WHAT THE TASK ASKS> Find every line in the records below that contains the word "with", and copy each such line.
::: DATA IN THIS EXERCISE
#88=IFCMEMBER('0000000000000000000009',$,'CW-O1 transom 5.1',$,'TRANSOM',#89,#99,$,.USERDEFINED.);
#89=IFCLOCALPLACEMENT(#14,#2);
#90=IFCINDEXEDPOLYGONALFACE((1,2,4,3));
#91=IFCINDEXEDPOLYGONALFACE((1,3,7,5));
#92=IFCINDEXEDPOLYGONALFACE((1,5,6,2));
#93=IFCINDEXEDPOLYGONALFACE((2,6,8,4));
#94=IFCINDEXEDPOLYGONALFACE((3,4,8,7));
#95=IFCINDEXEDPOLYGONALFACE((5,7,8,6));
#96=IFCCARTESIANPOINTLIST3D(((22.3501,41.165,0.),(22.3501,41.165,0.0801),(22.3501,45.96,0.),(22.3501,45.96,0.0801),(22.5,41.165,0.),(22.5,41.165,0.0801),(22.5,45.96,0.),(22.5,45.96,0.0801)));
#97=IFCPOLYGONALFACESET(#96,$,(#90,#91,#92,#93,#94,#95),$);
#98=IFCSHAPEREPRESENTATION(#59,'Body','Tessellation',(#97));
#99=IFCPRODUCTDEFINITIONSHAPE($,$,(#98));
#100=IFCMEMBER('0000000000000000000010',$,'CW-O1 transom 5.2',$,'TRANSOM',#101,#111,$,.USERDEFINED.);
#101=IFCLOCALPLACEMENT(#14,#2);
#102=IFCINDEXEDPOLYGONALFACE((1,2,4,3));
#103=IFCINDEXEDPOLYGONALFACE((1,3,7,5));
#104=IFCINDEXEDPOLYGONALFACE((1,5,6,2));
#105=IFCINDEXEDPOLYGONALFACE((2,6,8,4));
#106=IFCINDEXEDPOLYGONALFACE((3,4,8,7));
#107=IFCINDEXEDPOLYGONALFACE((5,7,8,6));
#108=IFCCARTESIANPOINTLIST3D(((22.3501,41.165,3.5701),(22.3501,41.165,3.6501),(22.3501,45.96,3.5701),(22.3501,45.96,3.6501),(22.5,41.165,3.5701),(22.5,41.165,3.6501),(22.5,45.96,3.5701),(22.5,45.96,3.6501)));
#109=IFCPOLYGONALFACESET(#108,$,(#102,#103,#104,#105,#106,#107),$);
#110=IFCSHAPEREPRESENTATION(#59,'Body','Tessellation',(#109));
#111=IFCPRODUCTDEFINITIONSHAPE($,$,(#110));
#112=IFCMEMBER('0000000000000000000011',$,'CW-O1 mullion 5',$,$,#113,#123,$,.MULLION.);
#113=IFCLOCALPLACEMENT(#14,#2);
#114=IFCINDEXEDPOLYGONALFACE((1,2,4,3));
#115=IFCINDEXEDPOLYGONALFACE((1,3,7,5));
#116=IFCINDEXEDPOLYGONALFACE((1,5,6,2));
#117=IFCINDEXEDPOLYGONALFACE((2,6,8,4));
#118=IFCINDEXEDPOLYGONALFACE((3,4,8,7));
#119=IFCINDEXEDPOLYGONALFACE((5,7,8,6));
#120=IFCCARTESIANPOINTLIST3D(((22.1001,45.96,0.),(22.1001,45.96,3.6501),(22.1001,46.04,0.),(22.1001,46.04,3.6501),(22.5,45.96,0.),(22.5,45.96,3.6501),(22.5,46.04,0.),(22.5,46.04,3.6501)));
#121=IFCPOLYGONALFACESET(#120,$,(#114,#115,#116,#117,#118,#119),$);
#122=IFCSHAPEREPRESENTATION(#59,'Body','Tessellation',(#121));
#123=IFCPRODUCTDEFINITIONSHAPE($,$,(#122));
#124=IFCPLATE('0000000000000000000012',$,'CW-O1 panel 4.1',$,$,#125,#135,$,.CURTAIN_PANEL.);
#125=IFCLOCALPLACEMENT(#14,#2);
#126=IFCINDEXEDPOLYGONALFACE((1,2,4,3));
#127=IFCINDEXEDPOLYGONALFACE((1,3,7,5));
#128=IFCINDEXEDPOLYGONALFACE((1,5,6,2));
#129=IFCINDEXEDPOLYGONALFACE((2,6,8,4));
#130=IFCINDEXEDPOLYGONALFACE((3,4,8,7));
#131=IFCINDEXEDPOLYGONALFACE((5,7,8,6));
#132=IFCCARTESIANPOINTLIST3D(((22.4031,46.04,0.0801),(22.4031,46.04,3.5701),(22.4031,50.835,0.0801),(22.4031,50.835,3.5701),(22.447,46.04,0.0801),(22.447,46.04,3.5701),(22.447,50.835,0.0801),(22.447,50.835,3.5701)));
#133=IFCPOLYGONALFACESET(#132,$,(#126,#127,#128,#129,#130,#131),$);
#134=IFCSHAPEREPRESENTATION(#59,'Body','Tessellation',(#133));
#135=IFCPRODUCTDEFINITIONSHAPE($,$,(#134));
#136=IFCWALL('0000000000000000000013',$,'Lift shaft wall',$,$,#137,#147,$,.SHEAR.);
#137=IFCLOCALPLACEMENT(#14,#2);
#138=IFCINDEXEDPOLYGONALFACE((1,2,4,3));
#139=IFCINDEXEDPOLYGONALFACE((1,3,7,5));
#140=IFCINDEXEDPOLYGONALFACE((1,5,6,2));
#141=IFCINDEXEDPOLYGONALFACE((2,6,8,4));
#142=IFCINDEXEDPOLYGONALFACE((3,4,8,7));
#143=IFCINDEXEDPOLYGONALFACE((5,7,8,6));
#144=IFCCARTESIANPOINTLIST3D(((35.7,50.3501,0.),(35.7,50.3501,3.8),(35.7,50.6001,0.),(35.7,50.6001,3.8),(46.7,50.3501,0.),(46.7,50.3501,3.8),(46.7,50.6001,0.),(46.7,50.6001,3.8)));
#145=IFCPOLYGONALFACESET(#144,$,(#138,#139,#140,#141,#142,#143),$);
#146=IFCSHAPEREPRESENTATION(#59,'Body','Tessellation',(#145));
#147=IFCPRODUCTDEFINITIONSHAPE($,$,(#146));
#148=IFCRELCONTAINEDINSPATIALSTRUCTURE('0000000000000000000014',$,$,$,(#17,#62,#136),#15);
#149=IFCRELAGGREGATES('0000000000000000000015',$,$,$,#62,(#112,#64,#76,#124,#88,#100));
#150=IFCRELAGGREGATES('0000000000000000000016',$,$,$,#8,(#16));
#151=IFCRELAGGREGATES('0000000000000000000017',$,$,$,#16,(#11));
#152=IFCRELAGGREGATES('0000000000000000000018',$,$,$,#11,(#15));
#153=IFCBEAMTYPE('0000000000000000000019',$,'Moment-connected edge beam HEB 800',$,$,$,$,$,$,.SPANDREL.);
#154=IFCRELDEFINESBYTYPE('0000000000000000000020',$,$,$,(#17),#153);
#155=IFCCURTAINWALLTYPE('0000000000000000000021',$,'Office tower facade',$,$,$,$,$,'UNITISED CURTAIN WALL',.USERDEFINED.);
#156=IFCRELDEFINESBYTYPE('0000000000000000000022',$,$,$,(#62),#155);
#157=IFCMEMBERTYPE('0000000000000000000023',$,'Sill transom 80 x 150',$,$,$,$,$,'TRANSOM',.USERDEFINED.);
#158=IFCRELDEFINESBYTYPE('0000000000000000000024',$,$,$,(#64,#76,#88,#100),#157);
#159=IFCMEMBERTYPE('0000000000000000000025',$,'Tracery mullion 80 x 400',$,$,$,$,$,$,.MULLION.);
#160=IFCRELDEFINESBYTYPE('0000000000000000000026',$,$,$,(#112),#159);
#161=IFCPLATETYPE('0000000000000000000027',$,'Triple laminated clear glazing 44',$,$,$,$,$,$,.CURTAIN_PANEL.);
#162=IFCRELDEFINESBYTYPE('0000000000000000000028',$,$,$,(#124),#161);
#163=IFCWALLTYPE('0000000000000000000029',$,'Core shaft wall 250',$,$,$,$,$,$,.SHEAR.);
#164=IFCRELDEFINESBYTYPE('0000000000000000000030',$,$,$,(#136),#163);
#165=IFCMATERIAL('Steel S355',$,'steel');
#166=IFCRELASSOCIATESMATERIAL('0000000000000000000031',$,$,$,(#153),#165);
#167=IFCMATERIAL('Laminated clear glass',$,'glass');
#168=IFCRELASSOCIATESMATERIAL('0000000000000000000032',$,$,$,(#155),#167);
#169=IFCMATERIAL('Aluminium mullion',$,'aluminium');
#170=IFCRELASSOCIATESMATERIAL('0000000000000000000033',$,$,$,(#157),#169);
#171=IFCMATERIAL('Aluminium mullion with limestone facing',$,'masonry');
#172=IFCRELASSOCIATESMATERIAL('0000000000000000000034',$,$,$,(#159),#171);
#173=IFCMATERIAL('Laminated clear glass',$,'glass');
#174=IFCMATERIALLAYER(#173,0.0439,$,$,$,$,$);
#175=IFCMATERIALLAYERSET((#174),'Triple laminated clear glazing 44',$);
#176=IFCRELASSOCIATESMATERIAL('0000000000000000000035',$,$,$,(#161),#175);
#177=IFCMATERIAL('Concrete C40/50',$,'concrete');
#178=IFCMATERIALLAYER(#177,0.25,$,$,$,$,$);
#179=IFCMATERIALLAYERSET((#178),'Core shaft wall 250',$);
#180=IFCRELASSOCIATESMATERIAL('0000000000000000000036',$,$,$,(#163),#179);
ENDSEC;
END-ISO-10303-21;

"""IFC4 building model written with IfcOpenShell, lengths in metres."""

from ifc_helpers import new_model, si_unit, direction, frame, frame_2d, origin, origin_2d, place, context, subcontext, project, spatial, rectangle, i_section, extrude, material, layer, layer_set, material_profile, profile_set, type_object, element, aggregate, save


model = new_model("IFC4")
::::::
SOLVED EXERCISE>
#171=IFCMATERIAL('Aluminium mullion with limestone facing',$,'masonry');
"""IFC4 building model written with IfcOpenShell, lengths in metres."""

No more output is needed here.